» What you will do:
In the material below, find the line with "# Site, building, storey" and the line with "frame((0.0, 0.0, 5.3999)))", then output those two lines and every line between them, exactly.

» Stored data:
☆ ☆ ☆ ☆
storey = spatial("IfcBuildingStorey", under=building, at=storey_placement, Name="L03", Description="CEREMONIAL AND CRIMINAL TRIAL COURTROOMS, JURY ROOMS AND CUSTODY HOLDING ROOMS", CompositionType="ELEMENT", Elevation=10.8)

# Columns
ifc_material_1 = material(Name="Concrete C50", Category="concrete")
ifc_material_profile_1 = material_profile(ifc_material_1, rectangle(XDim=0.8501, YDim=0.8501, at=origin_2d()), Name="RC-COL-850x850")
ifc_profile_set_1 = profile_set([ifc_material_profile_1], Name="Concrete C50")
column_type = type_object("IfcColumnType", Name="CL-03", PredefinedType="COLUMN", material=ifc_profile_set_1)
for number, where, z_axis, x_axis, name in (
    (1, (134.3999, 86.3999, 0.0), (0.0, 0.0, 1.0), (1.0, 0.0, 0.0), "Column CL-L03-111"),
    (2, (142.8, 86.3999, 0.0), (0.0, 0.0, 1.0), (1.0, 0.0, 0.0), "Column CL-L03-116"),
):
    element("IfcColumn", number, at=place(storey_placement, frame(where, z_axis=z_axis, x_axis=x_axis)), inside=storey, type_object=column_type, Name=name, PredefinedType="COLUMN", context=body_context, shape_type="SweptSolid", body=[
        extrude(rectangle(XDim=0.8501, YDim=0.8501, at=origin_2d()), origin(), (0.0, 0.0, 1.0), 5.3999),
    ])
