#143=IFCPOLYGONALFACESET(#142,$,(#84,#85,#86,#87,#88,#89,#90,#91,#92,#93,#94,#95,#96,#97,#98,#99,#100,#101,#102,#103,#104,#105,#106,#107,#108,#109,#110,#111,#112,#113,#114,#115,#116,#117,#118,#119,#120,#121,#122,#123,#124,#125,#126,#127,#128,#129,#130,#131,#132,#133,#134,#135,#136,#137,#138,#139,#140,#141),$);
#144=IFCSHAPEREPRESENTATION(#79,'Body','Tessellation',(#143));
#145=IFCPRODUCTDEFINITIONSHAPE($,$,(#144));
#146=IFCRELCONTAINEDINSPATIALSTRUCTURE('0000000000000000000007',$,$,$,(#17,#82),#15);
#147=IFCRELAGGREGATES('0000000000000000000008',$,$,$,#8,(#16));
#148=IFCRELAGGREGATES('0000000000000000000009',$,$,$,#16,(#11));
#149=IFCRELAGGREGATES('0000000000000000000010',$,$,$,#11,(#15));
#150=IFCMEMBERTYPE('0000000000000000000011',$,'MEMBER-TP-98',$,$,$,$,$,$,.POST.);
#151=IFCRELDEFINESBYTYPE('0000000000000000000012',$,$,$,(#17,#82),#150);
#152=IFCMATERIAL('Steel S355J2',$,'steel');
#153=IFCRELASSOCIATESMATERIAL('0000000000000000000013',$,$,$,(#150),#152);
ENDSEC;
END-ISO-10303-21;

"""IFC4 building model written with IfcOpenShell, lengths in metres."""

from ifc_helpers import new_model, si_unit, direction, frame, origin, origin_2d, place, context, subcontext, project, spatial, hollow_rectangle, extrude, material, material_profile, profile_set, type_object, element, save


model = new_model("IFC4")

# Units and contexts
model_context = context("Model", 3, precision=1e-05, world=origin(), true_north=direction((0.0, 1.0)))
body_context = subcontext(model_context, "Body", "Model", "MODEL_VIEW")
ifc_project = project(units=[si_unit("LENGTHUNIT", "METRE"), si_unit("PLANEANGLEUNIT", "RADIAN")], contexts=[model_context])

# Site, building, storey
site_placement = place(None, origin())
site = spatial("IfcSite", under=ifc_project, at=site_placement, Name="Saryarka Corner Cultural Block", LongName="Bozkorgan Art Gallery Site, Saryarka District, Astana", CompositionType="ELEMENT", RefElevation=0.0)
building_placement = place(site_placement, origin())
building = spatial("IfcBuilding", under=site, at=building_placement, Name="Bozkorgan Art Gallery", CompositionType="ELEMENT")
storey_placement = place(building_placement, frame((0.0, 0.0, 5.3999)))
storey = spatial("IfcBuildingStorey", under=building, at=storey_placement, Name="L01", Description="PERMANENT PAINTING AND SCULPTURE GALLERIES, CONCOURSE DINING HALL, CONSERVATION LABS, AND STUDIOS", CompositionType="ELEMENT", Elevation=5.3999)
☆ ☆ ☆ ☆
» Output:
# Site, building, storey
site_placement = place(None, origin())
site = spatial("IfcSite", under=ifc_project, at=site_placement, Name="Saryarka Corner Cultural Block", LongName="Bozkorgan Art Gallery Site, Saryarka District, Astana", CompositionType="ELEMENT", RefElevation=0.0)
building_placement = place(site_placement, origin())
building = spatial("IfcBuilding", under=site, at=building_placement, Name="Bozkorgan Art Gallery", CompositionType="ELEMENT")
storey_placement = place(building_placement, frame((0.0, 0.0, 5.3999)))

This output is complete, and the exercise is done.